Stored data entries:
══════════════════════════════

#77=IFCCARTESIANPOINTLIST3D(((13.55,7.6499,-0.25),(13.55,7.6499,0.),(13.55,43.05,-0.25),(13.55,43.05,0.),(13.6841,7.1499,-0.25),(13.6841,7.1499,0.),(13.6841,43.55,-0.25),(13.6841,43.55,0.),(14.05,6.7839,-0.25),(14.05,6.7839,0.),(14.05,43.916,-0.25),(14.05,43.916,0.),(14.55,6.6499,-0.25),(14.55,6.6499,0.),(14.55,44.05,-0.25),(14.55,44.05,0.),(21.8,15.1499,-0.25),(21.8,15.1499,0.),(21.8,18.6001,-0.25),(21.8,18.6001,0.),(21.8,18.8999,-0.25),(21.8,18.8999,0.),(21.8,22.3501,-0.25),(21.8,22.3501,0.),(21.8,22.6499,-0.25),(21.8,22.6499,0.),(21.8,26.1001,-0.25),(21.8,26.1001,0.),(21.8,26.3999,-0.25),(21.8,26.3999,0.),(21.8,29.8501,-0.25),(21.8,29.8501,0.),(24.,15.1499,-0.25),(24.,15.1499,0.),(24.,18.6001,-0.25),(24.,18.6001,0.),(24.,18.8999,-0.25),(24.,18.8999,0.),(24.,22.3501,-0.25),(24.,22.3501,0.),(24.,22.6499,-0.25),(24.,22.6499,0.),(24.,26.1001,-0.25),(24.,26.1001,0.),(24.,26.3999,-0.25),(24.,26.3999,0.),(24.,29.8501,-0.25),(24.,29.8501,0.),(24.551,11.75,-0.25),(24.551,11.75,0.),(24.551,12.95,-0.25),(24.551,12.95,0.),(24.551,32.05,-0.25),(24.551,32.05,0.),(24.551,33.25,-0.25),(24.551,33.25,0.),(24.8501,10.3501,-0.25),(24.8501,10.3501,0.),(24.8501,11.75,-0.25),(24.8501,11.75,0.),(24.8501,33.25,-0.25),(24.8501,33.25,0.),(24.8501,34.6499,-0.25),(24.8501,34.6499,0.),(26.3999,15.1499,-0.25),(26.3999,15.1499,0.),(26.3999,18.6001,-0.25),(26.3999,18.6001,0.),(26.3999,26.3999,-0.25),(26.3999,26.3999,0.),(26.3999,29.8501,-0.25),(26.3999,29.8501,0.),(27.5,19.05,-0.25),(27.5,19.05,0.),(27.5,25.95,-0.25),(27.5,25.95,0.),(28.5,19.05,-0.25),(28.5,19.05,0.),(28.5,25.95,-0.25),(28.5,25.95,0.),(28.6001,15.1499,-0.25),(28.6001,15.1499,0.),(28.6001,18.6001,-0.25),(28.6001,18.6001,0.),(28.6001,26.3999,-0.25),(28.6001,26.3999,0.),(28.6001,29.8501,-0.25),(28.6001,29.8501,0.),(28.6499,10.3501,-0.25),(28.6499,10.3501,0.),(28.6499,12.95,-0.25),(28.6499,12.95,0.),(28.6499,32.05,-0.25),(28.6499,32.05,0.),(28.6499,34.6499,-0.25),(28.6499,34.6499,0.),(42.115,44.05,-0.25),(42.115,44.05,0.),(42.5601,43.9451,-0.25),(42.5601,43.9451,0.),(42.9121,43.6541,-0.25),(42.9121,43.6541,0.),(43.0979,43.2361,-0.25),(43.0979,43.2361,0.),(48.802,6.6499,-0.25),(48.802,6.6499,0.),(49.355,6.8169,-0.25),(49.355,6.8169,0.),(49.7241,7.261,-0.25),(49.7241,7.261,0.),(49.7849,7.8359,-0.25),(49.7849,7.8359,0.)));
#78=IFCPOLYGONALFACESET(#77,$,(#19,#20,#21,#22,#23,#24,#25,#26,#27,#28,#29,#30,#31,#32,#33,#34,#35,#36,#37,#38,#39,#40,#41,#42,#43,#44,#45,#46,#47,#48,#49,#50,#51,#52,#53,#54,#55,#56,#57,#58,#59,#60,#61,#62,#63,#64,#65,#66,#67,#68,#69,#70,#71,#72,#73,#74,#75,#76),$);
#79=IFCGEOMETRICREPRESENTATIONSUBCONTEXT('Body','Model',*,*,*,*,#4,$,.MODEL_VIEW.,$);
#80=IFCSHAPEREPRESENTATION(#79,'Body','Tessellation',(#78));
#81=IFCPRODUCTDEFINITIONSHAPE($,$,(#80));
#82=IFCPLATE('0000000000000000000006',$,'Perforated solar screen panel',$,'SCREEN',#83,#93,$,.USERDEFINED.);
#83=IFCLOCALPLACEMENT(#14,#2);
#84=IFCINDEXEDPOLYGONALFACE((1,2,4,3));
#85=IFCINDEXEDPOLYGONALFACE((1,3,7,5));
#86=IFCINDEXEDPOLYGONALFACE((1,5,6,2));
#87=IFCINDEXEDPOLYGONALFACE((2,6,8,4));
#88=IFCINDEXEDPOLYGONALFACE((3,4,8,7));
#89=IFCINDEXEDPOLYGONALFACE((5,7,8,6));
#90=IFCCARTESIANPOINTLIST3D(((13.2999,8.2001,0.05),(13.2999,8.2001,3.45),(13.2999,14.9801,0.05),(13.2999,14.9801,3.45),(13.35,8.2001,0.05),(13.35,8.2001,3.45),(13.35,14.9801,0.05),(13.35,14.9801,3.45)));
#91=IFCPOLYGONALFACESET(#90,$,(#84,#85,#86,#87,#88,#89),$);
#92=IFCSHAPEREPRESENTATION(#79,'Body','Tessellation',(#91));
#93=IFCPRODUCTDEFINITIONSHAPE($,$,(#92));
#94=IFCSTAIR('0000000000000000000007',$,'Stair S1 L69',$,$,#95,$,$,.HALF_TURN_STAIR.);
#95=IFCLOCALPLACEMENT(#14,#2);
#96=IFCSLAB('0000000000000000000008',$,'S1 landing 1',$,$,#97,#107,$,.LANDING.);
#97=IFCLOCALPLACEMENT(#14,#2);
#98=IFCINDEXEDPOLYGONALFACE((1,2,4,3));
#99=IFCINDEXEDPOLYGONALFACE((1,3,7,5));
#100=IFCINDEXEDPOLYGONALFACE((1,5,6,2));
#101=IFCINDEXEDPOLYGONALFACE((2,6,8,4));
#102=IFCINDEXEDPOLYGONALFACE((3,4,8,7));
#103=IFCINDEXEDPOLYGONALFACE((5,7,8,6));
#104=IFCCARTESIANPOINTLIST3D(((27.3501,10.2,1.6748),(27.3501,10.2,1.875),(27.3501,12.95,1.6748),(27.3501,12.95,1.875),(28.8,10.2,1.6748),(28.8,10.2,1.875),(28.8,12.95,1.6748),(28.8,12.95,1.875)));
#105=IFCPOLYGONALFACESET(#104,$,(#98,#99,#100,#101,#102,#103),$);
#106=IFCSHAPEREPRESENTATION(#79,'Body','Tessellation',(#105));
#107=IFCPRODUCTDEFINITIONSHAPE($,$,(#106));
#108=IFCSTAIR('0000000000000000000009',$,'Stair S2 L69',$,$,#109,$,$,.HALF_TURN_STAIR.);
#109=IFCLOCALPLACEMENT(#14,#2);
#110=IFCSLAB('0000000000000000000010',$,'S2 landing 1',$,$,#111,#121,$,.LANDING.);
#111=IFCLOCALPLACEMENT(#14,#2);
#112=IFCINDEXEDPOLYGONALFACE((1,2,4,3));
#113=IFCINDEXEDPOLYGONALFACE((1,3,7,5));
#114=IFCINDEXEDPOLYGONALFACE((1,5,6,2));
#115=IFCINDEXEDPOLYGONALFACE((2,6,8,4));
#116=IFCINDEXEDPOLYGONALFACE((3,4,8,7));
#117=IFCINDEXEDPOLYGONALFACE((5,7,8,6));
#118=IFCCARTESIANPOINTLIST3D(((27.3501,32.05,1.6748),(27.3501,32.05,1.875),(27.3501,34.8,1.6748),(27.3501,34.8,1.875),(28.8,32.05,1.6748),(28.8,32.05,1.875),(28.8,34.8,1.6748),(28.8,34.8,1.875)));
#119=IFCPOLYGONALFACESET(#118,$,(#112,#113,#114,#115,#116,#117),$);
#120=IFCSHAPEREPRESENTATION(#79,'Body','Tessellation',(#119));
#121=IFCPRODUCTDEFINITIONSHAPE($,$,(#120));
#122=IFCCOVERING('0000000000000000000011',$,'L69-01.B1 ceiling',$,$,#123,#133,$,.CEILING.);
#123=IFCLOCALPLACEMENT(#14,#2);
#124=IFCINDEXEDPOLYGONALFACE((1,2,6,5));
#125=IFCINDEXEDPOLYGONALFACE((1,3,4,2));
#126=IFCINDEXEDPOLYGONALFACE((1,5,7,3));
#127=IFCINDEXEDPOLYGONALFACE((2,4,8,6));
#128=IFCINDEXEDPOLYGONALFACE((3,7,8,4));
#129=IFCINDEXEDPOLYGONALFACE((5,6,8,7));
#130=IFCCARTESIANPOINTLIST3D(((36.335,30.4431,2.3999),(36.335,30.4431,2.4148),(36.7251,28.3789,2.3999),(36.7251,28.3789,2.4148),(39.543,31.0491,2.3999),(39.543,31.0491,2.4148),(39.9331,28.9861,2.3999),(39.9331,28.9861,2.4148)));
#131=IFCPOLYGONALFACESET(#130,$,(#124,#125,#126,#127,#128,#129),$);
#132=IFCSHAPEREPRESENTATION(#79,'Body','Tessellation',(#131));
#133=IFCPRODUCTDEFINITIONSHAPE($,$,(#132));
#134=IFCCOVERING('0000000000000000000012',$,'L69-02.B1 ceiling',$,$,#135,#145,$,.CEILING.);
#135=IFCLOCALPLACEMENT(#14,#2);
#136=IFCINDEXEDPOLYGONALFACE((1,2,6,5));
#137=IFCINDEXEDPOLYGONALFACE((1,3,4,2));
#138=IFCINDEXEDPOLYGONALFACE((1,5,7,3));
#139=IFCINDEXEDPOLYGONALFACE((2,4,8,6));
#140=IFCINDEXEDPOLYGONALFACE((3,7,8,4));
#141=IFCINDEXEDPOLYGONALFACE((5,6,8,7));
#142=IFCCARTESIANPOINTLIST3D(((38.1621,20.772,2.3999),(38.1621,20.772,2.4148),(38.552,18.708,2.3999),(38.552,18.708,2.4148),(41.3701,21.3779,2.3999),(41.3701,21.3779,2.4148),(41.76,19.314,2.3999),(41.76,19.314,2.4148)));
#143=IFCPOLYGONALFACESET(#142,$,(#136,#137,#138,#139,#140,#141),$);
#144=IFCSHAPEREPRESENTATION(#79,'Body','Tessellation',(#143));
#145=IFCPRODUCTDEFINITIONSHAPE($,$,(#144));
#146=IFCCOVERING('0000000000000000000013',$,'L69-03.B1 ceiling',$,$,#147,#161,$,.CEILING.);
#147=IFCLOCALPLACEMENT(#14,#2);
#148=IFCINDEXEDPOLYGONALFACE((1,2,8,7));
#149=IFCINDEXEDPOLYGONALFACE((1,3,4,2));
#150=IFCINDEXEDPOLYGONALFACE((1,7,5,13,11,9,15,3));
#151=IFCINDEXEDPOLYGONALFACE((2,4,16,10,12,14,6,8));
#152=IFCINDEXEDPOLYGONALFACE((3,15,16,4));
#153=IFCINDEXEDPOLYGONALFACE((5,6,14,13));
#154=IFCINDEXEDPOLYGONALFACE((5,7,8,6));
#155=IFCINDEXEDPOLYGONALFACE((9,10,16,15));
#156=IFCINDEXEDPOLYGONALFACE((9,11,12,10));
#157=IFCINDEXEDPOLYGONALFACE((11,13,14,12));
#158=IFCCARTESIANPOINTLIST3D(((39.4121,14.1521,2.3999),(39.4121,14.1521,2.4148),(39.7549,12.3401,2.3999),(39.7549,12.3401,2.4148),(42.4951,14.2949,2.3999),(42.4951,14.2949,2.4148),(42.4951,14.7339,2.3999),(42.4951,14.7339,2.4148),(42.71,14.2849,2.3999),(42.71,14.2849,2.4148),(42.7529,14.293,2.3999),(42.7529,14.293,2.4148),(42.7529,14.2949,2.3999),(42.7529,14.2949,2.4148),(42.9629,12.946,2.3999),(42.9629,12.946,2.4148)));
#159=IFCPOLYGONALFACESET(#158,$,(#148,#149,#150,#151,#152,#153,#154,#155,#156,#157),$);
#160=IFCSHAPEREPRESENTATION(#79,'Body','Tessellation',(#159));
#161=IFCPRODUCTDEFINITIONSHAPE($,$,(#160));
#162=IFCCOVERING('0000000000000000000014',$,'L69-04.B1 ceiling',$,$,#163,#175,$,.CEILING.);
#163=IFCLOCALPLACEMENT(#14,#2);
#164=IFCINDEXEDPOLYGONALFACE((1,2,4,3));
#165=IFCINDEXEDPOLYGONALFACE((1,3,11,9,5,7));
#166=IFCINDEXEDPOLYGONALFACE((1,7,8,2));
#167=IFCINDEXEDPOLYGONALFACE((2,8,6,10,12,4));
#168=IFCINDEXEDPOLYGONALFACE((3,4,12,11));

══════════════════════════════

Problem requirements: Every line above from the line with "#125=IFCINDEXEDPOLYGONALFACE((1,3,4,2));" to the line with "#133=IFCPRODUCTDEFINITIONSHAPE($,$,(#132));" is wanted, ends included; write them out exactly and add no other line.

Answer to this problem:
#125=IFCINDEXEDPOLYGONALFACE((1,3,4,2));
#126=IFCINDEXEDPOLYGONALFACE((1,5,7,3));
#127=IFCINDEXEDPOLYGONALFACE((2,4,8,6));
#128=IFCINDEXEDPOLYGONALFACE((3,7,8,4));
#129=IFCINDEXEDPOLYGONALFACE((5,6,8,7));
#130=IFCCARTESIANPOINTLIST3D(((36.335,30.4431,2.3999),(36.335,30.4431,2.4148),(36.7251,28.3789,2.3999),(36.7251,28.3789,2.4148),(39.543,31.0491,2.3999),(39.543,31.0491,2.4148),(39.9331,28.9861,2.3999),(39.9331,28.9861,2.4148)));
#131=IFCPOLYGONALFACESET(#130,$,(#124,#125,#126,#127,#128,#129),$);
#132=IFCSHAPEREPRESENTATION(#79,'Body','Tessellation',(#131));
#133=IFCPRODUCTDEFINITIONSHAPE($,$,(#132));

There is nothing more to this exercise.